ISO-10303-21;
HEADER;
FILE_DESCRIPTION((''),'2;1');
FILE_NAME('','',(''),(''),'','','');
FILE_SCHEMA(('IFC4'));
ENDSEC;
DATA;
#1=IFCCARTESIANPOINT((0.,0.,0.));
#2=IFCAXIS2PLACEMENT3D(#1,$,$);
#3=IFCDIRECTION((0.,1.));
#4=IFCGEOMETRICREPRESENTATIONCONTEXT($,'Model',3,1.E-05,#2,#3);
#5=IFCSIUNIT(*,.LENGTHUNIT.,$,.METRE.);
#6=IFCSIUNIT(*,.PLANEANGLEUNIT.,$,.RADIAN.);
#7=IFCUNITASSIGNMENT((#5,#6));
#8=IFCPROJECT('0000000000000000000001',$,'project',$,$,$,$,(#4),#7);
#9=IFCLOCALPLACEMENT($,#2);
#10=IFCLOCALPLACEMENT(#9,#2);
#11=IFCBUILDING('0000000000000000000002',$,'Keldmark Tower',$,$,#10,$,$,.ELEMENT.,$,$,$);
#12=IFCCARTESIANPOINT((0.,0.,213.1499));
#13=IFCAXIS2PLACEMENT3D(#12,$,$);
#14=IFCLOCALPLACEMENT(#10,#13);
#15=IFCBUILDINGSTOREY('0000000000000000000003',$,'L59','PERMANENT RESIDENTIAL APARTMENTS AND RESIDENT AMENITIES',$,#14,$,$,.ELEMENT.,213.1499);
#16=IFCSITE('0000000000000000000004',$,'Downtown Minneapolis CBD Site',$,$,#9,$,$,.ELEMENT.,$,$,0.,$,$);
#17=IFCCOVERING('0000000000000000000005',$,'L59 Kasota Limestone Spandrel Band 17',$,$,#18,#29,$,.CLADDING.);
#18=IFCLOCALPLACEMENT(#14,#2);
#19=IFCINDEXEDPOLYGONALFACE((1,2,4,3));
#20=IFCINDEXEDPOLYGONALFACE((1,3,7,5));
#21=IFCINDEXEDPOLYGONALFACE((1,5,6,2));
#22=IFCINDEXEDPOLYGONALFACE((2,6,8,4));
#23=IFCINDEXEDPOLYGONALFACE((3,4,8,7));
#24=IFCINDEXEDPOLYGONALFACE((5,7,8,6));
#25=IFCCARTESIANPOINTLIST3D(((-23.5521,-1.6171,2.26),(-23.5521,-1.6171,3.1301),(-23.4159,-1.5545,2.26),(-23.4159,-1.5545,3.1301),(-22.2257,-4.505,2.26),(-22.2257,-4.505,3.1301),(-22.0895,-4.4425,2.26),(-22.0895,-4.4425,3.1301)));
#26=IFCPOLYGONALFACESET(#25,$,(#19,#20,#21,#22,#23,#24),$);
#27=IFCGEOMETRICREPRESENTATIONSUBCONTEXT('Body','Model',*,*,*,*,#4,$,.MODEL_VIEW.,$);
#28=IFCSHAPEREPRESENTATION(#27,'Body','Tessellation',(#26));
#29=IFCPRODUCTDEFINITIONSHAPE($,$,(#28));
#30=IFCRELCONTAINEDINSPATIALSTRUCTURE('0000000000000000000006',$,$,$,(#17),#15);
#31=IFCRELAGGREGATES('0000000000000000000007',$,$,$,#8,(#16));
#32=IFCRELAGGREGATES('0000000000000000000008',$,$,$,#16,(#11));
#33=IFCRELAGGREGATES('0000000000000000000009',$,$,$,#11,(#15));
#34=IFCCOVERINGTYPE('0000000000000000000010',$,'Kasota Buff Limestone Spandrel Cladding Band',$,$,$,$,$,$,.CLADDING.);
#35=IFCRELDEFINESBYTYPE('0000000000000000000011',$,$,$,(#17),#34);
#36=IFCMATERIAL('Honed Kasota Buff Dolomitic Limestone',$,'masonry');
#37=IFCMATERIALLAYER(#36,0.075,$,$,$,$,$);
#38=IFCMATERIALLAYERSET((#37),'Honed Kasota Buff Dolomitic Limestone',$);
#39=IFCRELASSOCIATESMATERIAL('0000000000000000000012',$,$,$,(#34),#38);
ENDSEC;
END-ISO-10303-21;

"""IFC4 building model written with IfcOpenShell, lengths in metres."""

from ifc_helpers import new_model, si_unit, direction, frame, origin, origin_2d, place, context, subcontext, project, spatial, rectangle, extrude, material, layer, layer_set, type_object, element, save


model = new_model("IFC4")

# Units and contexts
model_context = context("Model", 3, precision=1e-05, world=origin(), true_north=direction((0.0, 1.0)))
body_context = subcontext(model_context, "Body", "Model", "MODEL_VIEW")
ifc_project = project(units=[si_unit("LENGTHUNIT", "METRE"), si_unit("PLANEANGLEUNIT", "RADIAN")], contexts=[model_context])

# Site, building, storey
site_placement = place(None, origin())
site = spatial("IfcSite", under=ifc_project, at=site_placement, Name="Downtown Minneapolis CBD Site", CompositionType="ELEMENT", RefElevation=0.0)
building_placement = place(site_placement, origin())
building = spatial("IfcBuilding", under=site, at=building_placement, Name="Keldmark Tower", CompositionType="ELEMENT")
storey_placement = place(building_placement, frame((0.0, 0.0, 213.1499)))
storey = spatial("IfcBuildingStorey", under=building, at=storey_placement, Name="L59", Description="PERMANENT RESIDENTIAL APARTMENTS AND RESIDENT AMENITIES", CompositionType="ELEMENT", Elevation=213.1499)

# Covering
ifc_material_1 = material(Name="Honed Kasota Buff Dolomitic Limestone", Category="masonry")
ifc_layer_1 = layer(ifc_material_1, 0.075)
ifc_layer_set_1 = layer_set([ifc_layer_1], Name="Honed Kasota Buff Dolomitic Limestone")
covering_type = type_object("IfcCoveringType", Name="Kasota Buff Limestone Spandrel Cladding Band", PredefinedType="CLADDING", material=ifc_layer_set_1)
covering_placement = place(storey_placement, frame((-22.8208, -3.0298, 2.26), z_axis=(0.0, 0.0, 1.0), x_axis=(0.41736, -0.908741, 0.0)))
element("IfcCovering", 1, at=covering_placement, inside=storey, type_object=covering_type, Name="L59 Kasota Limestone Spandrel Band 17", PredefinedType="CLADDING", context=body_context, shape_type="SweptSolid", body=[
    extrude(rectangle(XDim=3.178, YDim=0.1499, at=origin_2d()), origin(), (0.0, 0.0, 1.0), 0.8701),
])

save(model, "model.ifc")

···

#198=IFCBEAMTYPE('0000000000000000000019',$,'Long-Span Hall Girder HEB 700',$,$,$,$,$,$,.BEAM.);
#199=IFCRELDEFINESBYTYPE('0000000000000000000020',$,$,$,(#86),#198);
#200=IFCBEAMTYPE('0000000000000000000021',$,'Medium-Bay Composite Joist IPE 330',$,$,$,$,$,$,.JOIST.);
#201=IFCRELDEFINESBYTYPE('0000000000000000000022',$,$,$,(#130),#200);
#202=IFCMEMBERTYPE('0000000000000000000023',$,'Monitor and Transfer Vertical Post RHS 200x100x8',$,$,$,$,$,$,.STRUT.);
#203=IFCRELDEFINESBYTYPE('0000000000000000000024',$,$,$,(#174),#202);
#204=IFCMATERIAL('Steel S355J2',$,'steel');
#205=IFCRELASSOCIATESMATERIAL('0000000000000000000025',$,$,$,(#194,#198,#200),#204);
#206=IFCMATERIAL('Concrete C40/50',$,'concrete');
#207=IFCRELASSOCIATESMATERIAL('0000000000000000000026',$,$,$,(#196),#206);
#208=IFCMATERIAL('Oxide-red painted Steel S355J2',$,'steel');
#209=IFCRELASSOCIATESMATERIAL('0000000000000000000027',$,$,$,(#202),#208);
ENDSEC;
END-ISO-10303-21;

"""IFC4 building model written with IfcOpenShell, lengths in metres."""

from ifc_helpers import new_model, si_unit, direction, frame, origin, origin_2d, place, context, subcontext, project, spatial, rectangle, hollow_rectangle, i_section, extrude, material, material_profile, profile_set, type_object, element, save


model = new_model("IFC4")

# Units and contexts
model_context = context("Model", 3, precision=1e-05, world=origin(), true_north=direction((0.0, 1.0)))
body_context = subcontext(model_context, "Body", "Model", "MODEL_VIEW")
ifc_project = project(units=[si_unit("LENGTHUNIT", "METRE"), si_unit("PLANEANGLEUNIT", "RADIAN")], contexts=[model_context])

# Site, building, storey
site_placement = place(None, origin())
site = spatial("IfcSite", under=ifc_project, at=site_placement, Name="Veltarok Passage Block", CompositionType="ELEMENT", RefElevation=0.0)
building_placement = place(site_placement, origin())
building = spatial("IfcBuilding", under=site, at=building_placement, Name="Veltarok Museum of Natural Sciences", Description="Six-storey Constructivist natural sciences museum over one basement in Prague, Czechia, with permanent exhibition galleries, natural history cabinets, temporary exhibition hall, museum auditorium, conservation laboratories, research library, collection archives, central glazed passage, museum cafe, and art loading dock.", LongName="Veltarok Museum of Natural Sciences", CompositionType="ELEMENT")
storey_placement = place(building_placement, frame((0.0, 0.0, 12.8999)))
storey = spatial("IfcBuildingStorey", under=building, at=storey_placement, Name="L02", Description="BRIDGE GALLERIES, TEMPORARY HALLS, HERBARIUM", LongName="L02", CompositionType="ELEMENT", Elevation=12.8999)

···

EXERCISE DIRECTIONS:
Only a number is expected here: how many lines of the records above contain "IFCRELAGGREGATES".

EXERCISE SOLUTION:
3